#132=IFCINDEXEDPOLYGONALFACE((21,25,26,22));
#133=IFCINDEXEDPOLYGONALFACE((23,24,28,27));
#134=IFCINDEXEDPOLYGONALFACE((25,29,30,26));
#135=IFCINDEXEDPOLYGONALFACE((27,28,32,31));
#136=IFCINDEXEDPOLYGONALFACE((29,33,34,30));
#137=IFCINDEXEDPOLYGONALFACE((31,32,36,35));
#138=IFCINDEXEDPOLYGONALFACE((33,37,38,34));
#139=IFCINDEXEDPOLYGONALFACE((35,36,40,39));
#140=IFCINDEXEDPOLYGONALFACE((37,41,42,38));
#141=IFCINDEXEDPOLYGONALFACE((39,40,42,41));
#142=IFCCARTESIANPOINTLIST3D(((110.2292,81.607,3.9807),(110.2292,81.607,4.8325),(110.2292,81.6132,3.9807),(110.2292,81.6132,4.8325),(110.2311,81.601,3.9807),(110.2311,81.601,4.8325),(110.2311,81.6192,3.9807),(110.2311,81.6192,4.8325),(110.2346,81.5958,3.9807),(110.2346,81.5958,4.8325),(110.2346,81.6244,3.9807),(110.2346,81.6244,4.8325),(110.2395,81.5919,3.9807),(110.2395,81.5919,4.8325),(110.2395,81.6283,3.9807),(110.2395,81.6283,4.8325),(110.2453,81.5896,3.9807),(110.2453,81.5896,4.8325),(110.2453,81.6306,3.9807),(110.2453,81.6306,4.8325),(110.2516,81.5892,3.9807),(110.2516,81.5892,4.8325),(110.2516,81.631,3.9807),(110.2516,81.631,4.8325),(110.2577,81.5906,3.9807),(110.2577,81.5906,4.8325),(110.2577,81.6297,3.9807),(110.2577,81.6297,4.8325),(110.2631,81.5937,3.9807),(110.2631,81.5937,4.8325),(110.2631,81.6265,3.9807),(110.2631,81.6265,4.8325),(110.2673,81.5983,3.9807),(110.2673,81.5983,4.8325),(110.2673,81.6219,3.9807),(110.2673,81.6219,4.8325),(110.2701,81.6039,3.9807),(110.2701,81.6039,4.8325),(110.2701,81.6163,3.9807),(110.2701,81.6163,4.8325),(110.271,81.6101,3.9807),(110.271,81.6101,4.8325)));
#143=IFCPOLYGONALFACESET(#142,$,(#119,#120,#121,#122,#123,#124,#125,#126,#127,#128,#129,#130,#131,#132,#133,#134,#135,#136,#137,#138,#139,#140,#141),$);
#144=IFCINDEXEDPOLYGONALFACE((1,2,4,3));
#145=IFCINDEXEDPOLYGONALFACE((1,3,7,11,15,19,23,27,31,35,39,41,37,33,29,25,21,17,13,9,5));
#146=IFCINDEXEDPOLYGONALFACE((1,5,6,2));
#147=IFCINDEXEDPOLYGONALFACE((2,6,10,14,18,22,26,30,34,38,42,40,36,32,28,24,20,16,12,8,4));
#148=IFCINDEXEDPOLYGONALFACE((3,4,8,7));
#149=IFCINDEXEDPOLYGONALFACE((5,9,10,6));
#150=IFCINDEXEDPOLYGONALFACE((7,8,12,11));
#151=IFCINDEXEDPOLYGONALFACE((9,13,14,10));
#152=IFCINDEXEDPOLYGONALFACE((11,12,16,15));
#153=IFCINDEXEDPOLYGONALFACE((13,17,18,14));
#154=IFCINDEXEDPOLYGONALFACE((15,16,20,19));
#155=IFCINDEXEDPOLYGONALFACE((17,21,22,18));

...

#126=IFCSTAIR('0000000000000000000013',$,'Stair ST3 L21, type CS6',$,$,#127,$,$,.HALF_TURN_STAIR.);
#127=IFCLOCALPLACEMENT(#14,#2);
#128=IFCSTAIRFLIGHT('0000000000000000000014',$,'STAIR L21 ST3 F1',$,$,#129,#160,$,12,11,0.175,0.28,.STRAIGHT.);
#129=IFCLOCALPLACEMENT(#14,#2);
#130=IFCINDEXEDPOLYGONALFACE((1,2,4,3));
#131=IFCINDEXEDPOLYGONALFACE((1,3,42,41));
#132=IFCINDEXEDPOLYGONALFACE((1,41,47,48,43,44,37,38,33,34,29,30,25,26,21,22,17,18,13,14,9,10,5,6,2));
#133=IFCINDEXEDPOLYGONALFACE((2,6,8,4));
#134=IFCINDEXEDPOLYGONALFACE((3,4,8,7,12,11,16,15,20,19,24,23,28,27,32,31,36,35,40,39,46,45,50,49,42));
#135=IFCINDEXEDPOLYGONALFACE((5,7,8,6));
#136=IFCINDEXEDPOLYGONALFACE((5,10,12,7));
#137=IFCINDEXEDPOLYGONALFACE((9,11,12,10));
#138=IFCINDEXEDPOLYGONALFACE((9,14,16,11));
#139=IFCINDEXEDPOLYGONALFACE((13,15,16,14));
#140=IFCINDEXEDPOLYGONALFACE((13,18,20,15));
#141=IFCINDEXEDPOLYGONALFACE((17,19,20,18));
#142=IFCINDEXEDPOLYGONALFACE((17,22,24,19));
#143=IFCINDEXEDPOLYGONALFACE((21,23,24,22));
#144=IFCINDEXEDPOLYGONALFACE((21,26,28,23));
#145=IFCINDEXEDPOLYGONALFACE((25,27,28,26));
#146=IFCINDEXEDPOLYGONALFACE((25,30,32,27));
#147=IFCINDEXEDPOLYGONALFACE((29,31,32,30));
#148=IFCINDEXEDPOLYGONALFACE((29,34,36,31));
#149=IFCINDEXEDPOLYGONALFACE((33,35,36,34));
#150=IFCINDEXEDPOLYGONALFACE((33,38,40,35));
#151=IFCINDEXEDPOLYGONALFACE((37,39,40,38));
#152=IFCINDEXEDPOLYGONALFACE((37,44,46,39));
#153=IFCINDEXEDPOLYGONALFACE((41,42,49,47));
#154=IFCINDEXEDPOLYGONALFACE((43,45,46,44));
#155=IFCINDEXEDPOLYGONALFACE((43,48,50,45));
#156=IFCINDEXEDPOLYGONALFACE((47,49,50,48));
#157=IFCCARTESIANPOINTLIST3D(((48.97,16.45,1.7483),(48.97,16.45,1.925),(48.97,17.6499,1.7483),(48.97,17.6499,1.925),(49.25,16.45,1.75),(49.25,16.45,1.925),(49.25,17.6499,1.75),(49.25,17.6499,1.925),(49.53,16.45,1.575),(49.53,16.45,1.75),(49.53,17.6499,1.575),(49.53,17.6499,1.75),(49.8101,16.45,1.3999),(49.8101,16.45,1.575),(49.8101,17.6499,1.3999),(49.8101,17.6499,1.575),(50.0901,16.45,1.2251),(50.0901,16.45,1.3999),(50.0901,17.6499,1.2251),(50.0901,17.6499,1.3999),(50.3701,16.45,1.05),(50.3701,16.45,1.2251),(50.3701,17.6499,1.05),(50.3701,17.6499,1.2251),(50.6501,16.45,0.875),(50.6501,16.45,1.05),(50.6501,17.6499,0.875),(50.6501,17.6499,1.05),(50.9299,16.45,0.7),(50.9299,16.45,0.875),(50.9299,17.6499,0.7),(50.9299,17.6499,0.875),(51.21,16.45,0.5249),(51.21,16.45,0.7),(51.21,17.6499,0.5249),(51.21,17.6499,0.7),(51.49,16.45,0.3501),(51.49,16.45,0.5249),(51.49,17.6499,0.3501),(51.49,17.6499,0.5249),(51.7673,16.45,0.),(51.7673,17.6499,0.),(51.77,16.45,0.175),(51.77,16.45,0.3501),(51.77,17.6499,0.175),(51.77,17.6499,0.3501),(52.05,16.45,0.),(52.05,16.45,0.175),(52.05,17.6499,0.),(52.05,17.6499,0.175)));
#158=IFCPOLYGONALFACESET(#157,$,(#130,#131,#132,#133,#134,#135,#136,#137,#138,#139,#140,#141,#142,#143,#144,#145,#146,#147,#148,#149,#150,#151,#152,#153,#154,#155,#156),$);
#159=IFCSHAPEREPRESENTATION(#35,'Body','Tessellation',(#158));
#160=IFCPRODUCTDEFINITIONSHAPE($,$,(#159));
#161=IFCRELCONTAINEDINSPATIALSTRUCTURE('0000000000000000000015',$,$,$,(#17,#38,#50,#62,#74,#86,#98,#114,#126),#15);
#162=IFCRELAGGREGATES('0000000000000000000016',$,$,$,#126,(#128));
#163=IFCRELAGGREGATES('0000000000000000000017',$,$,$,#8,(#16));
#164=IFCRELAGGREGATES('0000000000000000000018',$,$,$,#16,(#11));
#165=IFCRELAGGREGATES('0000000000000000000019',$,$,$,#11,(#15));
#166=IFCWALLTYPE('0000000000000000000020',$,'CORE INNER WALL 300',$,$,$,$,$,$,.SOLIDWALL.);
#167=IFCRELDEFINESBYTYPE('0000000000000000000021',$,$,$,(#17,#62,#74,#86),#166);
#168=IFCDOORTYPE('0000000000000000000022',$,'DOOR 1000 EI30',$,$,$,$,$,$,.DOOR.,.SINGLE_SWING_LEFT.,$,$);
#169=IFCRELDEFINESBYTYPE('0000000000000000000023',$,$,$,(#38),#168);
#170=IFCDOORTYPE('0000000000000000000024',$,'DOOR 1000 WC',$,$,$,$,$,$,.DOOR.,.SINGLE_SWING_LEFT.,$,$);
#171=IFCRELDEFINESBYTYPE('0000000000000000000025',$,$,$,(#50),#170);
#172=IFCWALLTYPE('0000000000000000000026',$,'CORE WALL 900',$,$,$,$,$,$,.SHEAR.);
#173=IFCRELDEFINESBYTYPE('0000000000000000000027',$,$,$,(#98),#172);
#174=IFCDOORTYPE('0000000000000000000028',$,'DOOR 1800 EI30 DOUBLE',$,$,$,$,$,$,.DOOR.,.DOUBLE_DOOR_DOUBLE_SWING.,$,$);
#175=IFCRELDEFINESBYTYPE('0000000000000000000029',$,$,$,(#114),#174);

==

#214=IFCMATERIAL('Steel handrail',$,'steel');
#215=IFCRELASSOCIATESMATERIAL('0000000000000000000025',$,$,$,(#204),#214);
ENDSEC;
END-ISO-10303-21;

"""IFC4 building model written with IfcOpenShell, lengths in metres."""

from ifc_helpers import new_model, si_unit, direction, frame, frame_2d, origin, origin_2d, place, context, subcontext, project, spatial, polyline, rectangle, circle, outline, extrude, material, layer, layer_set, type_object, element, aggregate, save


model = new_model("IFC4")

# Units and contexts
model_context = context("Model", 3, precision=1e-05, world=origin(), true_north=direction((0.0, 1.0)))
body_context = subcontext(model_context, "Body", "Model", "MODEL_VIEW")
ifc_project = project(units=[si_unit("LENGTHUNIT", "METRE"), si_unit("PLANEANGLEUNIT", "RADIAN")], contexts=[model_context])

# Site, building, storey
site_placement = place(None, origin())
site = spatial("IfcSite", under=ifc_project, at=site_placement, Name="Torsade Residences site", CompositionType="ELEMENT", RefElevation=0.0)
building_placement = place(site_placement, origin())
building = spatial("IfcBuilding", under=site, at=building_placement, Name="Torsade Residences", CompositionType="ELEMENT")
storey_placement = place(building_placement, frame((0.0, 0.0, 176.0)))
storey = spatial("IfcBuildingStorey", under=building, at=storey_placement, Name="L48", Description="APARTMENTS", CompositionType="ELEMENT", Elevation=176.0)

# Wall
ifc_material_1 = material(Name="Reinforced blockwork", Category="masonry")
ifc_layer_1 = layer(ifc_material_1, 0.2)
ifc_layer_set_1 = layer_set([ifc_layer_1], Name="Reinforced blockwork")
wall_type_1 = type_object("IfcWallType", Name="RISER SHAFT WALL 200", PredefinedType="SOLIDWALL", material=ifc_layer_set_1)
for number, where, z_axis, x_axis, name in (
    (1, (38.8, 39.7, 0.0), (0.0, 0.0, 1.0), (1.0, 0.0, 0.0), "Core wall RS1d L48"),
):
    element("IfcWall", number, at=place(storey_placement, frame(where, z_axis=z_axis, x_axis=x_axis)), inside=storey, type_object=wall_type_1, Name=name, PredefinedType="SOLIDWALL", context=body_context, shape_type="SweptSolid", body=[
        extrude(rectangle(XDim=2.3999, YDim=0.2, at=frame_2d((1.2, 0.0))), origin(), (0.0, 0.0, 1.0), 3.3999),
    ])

WHAT IS BEING ASKED:
Filter the listing for the word "contexts" and copy each line that has it.

ANSWER SECTION:
# Units and contexts
ifc_project = project(units=[si_unit("LENGTHUNIT", "METRE"), si_unit("PLANEANGLEUNIT", "RADIAN")], contexts=[model_context])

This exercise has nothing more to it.